### Requirement
For the records below, say how many lines contain the string "IFCPRODUCTDEFINITIONSHAPE". Give the number only.

^^^^^^^^

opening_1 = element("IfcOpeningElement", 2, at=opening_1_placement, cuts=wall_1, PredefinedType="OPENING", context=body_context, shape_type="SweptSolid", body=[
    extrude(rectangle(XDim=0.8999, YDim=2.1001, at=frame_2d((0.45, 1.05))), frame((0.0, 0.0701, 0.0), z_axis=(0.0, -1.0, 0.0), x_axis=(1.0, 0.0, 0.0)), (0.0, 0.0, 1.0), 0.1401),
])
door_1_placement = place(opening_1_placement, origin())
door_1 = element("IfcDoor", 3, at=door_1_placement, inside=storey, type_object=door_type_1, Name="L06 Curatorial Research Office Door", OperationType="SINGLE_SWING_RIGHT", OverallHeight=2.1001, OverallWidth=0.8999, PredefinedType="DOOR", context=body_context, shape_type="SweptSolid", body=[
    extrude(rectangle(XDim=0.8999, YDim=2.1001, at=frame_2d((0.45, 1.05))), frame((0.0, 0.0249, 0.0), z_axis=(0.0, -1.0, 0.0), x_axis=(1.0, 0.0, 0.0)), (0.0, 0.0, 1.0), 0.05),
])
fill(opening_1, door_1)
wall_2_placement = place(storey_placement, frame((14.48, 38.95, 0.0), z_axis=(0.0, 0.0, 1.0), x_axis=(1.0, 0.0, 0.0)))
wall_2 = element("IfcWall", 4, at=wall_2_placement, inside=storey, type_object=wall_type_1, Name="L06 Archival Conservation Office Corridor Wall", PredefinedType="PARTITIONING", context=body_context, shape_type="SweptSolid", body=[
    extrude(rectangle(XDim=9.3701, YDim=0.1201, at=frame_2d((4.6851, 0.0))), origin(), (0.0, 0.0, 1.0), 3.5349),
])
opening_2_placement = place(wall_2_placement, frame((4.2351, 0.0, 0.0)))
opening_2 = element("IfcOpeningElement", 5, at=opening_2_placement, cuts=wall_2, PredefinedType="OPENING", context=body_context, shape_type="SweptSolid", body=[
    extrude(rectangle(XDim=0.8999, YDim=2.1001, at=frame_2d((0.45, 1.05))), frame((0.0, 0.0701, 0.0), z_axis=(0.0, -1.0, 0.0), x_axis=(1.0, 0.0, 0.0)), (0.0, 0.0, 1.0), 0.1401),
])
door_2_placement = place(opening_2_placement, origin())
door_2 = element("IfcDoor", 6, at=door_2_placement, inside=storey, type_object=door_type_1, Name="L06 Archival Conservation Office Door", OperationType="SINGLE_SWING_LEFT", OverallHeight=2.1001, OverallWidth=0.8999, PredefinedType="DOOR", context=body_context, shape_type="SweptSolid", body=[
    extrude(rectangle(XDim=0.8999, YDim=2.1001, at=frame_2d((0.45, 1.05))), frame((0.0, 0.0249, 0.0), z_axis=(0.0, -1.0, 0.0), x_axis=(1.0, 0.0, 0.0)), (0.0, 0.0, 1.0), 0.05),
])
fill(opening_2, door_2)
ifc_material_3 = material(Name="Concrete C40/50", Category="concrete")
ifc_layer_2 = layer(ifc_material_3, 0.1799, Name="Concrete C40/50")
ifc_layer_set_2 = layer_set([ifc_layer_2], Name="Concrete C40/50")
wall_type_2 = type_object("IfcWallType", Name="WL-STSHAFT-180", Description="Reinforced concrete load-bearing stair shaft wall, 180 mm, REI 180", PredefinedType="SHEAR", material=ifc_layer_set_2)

^^^^^^^^

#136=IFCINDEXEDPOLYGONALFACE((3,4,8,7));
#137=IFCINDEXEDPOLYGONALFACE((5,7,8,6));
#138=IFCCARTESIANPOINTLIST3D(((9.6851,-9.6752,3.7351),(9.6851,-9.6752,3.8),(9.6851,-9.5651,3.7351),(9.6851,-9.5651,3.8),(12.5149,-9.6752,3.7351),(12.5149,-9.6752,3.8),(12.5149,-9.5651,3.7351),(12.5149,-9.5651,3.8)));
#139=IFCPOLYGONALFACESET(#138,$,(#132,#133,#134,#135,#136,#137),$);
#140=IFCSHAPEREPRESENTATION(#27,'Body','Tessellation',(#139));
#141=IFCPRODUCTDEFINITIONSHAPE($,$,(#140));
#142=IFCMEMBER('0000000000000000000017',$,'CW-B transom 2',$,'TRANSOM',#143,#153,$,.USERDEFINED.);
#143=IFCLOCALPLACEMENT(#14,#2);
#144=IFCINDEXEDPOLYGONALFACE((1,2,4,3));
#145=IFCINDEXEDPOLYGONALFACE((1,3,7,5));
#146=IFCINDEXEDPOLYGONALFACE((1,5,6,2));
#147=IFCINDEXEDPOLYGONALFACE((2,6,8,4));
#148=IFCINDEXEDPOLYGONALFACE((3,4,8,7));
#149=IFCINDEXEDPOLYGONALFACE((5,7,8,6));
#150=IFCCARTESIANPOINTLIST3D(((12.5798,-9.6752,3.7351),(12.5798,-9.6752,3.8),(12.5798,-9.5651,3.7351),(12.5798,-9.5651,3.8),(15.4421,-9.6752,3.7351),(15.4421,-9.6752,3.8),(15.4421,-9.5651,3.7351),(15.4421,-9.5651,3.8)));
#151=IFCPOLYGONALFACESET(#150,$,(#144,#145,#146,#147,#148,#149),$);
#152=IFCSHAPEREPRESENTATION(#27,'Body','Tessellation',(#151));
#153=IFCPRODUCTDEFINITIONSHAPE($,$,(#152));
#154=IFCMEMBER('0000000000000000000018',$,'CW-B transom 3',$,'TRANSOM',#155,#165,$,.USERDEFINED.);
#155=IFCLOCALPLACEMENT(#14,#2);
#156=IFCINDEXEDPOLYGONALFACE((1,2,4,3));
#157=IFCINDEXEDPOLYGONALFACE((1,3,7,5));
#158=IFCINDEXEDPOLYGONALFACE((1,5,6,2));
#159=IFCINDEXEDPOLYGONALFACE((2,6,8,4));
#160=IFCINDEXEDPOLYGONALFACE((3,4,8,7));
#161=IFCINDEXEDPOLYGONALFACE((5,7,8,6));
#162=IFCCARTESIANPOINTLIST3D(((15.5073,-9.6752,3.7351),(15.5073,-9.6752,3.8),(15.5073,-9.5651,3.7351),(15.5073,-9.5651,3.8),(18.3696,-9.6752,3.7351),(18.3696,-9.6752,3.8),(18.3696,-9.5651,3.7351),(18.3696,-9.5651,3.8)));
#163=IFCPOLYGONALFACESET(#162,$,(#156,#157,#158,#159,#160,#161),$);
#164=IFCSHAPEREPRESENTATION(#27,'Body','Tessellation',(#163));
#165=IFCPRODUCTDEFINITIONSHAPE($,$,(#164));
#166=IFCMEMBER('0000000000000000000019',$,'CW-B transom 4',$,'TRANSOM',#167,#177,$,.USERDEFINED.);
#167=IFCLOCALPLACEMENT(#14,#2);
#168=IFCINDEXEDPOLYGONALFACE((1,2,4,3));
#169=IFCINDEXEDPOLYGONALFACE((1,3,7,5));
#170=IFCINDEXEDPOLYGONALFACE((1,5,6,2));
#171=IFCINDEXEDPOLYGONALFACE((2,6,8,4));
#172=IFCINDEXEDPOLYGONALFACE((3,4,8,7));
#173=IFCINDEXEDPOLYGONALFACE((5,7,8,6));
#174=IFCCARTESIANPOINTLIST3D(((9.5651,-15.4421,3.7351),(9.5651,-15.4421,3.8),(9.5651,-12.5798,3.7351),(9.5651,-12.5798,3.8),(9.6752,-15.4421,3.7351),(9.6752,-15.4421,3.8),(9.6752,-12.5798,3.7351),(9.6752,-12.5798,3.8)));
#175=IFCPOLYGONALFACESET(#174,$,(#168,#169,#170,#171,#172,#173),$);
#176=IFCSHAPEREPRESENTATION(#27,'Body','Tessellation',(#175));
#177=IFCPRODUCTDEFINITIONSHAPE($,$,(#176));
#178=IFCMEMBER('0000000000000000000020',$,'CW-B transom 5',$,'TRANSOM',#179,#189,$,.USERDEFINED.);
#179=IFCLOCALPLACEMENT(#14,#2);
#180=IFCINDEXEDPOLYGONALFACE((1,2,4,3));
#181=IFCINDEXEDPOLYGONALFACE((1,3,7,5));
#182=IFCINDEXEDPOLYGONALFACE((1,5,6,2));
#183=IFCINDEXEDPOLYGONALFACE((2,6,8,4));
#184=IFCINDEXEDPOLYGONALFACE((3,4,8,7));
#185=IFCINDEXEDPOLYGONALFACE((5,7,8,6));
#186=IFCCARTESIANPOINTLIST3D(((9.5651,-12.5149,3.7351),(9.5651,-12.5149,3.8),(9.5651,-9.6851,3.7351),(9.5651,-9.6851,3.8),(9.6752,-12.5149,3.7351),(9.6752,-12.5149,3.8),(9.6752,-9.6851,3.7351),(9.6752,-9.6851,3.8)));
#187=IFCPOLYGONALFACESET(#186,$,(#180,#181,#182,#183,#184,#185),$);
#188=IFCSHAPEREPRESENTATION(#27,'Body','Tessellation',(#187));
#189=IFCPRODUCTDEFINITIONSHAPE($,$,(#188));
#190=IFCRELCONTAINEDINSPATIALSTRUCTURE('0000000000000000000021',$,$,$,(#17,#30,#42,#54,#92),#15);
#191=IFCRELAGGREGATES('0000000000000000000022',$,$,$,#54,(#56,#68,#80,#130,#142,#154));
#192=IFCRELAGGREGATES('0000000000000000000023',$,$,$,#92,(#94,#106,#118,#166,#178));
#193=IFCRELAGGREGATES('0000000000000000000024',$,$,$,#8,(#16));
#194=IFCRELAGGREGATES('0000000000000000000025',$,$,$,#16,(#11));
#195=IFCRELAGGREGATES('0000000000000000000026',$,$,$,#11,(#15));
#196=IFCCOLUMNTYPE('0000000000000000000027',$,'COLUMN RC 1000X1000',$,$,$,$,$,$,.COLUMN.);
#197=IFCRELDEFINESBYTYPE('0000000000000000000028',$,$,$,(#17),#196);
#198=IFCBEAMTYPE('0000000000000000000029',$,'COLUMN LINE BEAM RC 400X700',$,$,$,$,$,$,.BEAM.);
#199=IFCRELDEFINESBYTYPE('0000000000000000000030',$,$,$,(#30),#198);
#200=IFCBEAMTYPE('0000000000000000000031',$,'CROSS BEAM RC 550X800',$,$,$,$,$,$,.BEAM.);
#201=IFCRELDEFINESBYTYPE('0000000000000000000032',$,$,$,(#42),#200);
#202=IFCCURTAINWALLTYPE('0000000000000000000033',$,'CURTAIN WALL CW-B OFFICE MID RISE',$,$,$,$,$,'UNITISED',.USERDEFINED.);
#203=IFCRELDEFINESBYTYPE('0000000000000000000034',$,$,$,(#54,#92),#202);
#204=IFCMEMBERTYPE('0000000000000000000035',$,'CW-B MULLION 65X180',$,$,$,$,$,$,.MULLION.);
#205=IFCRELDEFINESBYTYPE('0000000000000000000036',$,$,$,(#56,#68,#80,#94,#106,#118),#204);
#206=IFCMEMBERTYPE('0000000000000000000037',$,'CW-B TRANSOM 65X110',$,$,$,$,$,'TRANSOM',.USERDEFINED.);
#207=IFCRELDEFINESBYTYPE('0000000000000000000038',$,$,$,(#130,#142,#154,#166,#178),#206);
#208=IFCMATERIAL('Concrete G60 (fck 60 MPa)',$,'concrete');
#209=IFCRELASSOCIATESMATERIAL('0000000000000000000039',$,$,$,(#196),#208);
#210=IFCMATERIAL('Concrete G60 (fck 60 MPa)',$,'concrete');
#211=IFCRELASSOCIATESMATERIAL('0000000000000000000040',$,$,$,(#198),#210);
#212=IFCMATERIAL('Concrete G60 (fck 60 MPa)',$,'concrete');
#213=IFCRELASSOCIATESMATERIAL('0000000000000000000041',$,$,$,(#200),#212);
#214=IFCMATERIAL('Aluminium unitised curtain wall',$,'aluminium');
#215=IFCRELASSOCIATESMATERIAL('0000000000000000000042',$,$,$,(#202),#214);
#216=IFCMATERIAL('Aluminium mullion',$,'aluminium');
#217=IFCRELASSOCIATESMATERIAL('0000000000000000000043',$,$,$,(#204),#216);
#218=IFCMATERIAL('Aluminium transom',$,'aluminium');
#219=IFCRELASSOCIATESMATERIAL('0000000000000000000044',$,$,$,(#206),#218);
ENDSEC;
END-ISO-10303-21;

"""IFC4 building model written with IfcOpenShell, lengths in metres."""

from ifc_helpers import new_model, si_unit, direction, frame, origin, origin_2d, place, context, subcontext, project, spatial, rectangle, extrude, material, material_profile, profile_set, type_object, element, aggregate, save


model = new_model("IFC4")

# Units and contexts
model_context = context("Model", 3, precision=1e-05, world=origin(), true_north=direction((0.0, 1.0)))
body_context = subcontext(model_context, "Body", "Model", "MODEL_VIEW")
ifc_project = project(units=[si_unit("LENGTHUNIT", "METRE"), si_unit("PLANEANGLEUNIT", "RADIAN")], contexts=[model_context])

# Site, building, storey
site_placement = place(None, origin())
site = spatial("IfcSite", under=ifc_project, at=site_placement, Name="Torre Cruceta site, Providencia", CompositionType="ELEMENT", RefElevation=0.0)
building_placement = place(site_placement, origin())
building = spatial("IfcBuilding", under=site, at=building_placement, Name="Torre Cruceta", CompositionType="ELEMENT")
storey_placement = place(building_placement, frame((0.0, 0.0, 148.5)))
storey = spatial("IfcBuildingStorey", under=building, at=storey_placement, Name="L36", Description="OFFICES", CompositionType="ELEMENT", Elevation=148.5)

^^^^^^^^

### Output of the task
5